(Problem statement) The listing below holds a line with "#103=IFCINDEXEDPOLYGONALFACE((5,7,8,6));" and a line with "#125=IFCINDEXEDPOLYGONALFACE((2,6,8,4));". Reproduce those two lines exactly, plus everything between them.

-- Opening Marker --

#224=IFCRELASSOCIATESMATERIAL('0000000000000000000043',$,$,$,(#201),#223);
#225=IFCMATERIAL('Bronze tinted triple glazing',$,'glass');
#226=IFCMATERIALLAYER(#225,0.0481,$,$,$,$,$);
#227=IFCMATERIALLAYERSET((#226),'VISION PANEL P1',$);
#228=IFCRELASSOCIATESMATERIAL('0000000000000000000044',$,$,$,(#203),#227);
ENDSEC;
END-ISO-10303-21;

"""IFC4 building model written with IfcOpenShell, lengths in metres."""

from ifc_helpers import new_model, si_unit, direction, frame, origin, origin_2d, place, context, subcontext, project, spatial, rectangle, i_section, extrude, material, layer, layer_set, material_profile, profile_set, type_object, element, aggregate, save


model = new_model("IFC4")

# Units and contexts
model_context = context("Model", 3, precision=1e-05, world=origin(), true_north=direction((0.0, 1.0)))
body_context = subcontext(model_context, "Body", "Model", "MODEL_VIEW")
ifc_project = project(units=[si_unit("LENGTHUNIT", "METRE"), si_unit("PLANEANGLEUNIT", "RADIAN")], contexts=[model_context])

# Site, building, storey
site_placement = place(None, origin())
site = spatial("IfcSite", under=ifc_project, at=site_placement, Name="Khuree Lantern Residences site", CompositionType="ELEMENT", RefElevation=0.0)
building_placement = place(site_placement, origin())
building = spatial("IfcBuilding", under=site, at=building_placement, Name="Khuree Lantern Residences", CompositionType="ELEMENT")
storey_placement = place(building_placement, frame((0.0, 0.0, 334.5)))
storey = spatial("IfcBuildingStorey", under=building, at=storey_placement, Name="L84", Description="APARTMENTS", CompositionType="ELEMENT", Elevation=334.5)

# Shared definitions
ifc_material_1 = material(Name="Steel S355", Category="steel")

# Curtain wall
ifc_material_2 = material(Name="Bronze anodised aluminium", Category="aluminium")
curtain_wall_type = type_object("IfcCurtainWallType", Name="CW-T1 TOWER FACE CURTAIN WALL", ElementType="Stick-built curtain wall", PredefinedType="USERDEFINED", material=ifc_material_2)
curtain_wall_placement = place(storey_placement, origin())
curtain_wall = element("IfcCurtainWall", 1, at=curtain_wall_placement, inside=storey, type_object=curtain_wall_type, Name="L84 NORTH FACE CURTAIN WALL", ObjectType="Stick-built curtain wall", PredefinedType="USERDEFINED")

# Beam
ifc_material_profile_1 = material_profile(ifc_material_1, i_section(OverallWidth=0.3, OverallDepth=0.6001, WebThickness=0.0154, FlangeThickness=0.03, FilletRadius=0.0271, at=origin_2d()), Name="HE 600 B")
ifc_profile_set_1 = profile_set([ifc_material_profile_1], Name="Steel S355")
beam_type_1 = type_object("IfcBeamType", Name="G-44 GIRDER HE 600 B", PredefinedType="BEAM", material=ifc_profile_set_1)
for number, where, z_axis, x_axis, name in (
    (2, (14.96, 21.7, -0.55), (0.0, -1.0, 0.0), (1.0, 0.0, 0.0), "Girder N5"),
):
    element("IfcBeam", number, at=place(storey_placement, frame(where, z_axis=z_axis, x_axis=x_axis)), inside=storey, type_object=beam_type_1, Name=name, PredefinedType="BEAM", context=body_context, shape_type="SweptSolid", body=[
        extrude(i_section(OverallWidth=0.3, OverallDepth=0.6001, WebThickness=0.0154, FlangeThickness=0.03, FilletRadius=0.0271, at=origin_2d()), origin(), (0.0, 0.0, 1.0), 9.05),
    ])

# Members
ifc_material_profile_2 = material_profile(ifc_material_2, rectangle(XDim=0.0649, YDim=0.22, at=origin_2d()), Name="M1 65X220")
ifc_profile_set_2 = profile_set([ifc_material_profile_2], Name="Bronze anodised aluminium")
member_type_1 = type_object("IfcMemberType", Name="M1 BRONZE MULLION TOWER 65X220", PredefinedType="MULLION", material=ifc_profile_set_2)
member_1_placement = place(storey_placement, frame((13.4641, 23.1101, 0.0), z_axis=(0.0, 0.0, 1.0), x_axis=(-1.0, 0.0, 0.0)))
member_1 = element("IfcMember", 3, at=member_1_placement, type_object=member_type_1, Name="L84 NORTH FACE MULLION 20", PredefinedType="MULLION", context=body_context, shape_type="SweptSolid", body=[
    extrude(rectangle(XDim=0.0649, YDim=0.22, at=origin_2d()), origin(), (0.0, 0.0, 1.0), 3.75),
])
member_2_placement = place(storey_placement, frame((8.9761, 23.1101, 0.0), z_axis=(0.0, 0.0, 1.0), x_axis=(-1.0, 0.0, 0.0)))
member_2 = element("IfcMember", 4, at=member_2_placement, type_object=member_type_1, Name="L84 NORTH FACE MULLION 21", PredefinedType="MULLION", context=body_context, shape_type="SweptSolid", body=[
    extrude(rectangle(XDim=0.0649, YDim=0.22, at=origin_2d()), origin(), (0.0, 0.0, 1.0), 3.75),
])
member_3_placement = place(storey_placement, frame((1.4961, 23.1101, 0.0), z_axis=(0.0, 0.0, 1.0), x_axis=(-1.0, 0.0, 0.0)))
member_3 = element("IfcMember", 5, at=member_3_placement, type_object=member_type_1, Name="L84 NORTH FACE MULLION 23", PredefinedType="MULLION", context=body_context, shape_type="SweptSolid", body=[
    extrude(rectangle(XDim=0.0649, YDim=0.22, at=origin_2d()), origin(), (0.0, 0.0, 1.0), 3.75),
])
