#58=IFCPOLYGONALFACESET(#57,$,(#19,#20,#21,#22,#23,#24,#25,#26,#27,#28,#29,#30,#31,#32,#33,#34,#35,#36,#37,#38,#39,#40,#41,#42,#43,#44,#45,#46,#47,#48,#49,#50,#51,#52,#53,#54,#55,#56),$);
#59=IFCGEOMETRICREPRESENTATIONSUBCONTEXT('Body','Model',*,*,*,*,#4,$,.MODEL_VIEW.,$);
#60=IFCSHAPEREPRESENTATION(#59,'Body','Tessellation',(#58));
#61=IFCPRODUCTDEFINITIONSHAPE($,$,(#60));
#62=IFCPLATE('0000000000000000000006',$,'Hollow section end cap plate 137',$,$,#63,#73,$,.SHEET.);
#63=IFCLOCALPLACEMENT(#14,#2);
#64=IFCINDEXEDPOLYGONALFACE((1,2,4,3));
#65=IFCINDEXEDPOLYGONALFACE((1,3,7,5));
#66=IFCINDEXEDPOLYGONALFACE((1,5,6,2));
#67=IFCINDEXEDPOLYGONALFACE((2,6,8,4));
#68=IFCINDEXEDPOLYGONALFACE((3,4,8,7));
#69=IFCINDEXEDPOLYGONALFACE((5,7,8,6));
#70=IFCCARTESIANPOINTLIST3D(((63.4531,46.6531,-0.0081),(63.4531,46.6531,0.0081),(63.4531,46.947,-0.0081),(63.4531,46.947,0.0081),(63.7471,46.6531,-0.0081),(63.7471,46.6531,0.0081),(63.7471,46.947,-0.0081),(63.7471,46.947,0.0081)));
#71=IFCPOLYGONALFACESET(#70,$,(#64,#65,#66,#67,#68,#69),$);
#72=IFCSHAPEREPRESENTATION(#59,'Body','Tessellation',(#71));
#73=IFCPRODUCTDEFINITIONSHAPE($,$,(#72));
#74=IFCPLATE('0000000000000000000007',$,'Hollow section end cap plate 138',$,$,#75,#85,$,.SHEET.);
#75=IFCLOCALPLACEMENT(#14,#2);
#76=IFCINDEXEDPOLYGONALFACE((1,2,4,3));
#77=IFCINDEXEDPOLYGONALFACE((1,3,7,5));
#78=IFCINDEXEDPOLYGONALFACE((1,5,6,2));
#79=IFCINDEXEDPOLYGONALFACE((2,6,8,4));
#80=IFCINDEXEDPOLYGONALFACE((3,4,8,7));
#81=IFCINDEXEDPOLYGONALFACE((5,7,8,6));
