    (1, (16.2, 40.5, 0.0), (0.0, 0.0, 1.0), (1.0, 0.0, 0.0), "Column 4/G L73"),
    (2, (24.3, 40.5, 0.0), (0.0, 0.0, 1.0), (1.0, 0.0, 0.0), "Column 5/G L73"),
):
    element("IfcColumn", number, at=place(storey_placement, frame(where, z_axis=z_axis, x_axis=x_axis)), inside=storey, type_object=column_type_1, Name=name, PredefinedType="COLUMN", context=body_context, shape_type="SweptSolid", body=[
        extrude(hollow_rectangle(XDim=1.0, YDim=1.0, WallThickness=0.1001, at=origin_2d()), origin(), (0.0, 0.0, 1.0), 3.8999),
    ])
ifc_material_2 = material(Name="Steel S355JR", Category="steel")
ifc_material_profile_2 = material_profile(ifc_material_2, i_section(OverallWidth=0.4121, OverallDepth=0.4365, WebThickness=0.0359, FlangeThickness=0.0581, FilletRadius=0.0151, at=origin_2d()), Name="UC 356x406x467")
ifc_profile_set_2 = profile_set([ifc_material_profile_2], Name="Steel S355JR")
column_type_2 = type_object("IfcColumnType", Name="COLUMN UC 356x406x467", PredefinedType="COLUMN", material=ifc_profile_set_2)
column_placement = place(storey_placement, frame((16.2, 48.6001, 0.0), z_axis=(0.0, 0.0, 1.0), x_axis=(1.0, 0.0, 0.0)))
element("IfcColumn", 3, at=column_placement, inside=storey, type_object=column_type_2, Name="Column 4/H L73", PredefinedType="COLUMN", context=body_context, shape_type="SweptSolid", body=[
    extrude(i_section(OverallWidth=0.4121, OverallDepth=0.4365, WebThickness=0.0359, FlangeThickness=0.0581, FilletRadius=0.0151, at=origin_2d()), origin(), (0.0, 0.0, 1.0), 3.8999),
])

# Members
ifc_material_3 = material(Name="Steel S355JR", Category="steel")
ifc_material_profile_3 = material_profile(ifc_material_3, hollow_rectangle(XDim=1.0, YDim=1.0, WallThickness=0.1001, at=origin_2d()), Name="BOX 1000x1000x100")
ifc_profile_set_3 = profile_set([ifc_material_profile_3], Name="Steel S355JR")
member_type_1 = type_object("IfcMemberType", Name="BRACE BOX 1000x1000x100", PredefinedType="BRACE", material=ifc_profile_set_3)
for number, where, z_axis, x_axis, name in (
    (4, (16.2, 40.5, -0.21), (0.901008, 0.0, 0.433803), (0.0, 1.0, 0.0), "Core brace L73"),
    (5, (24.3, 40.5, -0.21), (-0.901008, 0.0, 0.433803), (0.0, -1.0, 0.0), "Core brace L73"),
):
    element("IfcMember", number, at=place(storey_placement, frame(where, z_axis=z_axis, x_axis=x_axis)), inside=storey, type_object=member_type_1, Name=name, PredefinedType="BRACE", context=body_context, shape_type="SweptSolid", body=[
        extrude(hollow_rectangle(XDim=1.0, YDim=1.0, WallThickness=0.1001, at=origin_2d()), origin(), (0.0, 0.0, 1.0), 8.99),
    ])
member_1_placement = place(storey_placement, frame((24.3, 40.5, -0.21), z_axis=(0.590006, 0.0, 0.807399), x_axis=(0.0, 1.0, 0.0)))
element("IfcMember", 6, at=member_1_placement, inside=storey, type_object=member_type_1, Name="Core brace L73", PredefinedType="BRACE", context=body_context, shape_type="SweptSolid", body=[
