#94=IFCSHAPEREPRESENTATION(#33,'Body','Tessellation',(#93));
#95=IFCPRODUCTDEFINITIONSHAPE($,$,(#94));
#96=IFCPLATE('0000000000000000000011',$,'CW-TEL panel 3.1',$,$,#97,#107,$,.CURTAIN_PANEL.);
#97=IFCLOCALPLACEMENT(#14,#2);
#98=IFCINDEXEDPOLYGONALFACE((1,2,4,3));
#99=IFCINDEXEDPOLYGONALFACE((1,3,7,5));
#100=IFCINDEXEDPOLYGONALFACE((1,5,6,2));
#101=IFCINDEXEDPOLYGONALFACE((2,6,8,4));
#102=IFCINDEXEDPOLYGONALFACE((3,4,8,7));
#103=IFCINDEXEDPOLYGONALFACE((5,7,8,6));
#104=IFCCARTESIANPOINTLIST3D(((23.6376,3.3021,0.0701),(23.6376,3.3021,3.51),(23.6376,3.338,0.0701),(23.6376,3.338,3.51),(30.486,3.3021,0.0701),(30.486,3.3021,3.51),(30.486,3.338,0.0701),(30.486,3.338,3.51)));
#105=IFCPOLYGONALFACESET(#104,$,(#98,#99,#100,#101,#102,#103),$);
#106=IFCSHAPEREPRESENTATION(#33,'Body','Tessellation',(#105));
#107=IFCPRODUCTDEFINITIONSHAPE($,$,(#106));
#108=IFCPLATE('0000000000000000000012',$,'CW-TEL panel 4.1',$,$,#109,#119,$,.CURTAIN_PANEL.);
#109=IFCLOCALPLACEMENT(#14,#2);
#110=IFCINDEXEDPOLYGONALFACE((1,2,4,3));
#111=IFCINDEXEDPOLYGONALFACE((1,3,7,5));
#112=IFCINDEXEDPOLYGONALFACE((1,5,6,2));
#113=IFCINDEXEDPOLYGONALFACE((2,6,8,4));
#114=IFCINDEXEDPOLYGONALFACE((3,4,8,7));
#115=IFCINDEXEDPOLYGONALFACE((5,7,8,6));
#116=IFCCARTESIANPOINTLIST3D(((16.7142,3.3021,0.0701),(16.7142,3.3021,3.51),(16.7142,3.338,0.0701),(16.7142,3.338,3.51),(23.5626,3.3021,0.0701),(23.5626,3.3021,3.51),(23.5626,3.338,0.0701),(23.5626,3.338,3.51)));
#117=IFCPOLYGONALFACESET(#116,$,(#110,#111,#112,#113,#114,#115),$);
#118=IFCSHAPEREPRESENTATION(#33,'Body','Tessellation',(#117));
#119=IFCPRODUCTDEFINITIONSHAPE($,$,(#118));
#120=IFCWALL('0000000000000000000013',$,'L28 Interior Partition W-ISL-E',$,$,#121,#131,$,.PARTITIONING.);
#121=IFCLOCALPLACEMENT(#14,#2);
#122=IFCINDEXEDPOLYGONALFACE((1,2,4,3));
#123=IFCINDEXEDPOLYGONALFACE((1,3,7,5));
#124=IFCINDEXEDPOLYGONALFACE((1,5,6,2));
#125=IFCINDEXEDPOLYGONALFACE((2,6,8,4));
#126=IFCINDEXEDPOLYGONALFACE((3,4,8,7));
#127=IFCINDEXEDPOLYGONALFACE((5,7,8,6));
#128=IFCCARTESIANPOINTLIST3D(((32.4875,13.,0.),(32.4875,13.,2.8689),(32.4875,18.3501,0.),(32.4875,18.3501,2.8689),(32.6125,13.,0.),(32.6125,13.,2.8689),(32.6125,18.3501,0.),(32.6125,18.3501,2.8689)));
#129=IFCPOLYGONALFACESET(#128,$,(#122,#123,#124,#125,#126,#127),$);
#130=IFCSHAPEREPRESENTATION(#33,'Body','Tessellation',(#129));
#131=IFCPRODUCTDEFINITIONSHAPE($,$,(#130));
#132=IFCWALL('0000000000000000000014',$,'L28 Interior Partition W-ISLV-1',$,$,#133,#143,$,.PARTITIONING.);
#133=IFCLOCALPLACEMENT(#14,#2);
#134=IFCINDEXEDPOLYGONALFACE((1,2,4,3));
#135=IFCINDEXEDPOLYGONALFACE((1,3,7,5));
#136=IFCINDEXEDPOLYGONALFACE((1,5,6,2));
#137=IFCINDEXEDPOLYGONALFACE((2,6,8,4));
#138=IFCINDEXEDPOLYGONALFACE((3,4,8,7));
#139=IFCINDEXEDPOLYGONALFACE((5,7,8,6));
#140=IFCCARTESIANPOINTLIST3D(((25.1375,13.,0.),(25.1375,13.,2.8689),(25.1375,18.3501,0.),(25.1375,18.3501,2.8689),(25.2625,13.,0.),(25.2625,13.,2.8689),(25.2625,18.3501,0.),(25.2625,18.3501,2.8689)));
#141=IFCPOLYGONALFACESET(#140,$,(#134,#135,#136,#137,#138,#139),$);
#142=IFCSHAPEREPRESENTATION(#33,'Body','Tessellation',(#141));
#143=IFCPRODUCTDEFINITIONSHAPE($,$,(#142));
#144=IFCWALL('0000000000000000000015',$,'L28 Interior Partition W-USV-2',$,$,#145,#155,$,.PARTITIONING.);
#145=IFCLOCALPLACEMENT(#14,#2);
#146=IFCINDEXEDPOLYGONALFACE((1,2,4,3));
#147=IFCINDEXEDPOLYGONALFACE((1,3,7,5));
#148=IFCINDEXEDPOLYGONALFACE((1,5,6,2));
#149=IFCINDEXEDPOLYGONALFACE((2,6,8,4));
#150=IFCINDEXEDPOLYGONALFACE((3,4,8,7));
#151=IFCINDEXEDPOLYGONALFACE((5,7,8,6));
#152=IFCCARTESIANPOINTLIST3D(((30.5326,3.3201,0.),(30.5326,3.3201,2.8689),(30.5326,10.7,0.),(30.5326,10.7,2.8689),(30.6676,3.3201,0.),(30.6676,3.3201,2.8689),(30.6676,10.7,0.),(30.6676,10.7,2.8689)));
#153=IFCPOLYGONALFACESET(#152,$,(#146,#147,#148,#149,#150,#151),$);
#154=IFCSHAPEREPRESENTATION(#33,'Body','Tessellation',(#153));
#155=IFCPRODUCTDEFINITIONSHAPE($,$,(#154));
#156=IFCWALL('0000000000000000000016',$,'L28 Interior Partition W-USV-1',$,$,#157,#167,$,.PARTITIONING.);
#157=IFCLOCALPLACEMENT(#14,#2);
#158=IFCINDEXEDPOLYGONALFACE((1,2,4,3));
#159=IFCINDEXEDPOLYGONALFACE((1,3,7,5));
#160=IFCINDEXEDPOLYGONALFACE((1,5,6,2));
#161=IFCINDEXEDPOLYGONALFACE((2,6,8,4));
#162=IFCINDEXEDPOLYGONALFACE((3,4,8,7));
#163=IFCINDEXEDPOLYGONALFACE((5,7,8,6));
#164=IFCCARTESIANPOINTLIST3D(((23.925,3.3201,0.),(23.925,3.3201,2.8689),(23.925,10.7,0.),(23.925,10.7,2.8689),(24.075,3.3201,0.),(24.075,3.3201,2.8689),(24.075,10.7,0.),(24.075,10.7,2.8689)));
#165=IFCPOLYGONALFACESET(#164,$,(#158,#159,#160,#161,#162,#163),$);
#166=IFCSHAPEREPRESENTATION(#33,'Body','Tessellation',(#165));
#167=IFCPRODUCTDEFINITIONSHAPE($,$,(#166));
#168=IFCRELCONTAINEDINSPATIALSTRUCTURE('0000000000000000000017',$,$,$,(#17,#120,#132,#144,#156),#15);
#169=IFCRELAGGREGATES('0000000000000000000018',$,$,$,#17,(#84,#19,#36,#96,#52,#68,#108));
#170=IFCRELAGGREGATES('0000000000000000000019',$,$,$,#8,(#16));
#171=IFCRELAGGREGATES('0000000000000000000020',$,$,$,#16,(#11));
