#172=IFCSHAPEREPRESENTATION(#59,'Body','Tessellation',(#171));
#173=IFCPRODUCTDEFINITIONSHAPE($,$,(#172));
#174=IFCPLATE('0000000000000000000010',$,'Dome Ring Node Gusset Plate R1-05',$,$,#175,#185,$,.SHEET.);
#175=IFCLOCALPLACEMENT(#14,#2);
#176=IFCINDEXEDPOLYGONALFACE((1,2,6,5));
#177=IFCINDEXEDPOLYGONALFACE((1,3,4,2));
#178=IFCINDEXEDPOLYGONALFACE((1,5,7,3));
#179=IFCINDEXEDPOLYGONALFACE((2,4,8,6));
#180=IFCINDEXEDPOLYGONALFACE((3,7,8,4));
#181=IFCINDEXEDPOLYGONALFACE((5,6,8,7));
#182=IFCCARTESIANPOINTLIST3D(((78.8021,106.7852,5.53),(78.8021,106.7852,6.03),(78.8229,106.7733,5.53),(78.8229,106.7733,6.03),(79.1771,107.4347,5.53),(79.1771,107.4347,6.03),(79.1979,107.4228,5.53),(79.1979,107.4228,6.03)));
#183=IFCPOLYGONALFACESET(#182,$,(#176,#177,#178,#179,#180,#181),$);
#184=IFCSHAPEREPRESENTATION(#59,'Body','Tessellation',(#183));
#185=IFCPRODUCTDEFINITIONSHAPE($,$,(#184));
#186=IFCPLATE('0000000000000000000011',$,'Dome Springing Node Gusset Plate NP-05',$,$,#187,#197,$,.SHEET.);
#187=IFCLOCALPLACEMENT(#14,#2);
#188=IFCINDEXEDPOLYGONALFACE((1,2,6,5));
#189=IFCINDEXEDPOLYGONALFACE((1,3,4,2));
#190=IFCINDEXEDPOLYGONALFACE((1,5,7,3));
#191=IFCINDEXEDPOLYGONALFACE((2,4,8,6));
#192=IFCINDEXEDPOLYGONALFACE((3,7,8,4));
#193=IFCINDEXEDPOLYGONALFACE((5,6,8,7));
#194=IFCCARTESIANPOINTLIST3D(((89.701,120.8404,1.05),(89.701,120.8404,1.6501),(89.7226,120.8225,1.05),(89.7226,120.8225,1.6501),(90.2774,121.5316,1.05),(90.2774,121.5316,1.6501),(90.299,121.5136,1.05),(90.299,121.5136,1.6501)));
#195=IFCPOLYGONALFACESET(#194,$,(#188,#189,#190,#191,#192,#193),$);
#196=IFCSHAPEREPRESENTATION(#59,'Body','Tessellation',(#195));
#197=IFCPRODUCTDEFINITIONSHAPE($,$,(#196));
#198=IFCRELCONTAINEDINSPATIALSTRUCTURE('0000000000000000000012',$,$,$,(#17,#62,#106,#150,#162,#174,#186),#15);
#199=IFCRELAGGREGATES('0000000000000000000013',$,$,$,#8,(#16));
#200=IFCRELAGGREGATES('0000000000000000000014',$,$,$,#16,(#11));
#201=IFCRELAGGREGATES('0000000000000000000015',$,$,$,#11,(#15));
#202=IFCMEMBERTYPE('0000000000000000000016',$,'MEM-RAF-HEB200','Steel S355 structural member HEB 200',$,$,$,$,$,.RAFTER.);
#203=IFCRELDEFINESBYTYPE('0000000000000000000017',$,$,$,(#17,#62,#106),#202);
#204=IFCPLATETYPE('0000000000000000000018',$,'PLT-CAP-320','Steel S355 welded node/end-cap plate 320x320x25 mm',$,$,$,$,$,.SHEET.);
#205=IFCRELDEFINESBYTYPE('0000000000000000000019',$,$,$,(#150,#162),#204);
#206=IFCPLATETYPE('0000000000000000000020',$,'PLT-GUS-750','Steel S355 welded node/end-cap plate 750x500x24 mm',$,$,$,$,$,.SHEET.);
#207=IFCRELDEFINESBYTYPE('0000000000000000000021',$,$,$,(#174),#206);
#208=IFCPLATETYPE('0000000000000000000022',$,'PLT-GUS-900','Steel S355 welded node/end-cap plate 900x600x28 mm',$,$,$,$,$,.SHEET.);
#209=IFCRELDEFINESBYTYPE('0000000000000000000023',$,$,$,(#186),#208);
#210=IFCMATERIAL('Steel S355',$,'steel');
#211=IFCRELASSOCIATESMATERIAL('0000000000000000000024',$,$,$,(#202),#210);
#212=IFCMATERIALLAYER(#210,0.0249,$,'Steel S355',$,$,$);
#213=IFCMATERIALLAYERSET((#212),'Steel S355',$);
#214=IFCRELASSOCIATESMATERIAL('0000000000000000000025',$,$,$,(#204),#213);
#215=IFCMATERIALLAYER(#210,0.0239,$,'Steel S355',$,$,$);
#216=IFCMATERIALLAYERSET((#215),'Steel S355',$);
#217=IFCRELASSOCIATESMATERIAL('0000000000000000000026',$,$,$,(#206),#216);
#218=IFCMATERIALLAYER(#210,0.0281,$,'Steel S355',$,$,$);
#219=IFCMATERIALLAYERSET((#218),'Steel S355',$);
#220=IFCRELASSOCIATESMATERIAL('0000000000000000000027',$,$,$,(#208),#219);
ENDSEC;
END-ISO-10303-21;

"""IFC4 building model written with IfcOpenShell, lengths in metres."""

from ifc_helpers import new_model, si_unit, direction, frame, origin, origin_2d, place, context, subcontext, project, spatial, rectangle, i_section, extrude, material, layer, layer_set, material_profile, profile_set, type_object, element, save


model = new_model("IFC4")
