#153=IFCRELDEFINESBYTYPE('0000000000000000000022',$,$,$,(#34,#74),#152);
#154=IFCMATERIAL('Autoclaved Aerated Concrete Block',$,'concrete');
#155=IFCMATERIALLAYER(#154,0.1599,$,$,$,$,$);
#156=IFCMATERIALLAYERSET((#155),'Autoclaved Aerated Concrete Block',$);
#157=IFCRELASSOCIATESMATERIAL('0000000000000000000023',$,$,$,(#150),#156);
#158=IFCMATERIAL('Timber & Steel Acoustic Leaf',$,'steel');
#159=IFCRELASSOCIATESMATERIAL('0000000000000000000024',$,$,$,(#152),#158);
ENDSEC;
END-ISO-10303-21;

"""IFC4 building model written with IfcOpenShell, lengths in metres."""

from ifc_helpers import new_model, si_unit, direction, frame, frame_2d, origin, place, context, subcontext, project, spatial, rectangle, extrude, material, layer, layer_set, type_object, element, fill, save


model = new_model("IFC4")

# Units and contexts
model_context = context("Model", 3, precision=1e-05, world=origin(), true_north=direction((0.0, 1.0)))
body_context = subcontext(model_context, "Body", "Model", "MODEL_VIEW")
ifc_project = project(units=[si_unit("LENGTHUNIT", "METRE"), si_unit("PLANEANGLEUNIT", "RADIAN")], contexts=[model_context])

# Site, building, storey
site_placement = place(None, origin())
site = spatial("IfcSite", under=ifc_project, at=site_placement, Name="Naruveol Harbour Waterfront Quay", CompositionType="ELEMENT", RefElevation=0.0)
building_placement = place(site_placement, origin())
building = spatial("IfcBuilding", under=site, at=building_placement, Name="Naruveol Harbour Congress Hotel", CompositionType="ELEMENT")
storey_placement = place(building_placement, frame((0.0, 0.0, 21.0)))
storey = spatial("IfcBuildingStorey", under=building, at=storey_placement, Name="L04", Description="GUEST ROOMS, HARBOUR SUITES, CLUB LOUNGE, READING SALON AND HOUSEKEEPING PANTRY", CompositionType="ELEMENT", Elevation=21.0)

-- Closing Marker --

(Exercise output)
#103=IFCINDEXEDPOLYGONALFACE((5,7,8,6));
#104=IFCCARTESIANPOINTLIST3D(((23.6376,3.3021,0.0701),(23.6376,3.3021,3.51),(23.6376,3.338,0.0701),(23.6376,3.338,3.51),(30.486,3.3021,0.0701),(30.486,3.3021,3.51),(30.486,3.338,0.0701),(30.486,3.338,3.51)));
#105=IFCPOLYGONALFACESET(#104,$,(#98,#99,#100,#101,#102,#103),$);
#106=IFCSHAPEREPRESENTATION(#33,'Body','Tessellation',(#105));
#107=IFCPRODUCTDEFINITIONSHAPE($,$,(#106));
#108=IFCPLATE('0000000000000000000012',$,'CW-TEL panel 4.1',$,$,#109,#119,$,.CURTAIN_PANEL.);
#109=IFCLOCALPLACEMENT(#14,#2);
#110=IFCINDEXEDPOLYGONALFACE((1,2,4,3));
#111=IFCINDEXEDPOLYGONALFACE((1,3,7,5));
#112=IFCINDEXEDPOLYGONALFACE((1,5,6,2));
#113=IFCINDEXEDPOLYGONALFACE((2,6,8,4));
#114=IFCINDEXEDPOLYGONALFACE((3,4,8,7));
#115=IFCINDEXEDPOLYGONALFACE((5,7,8,6));
#116=IFCCARTESIANPOINTLIST3D(((16.7142,3.3021,0.0701),(16.7142,3.3021,3.51),(16.7142,3.338,0.0701),(16.7142,3.338,3.51),(23.5626,3.3021,0.0701),(23.5626,3.3021,3.51),(23.5626,3.338,0.0701),(23.5626,3.338,3.51)));
#117=IFCPOLYGONALFACESET(#116,$,(#110,#111,#112,#113,#114,#115),$);
#118=IFCSHAPEREPRESENTATION(#33,'Body','Tessellation',(#117));
#119=IFCPRODUCTDEFINITIONSHAPE($,$,(#118));
#120=IFCWALL('0000000000000000000013',$,'L28 Interior Partition W-ISL-E',$,$,#121,#131,$,.PARTITIONING.);
#121=IFCLOCALPLACEMENT(#14,#2);
#122=IFCINDEXEDPOLYGONALFACE((1,2,4,3));
#123=IFCINDEXEDPOLYGONALFACE((1,3,7,5));
#124=IFCINDEXEDPOLYGONALFACE((1,5,6,2));
#125=IFCINDEXEDPOLYGONALFACE((2,6,8,4));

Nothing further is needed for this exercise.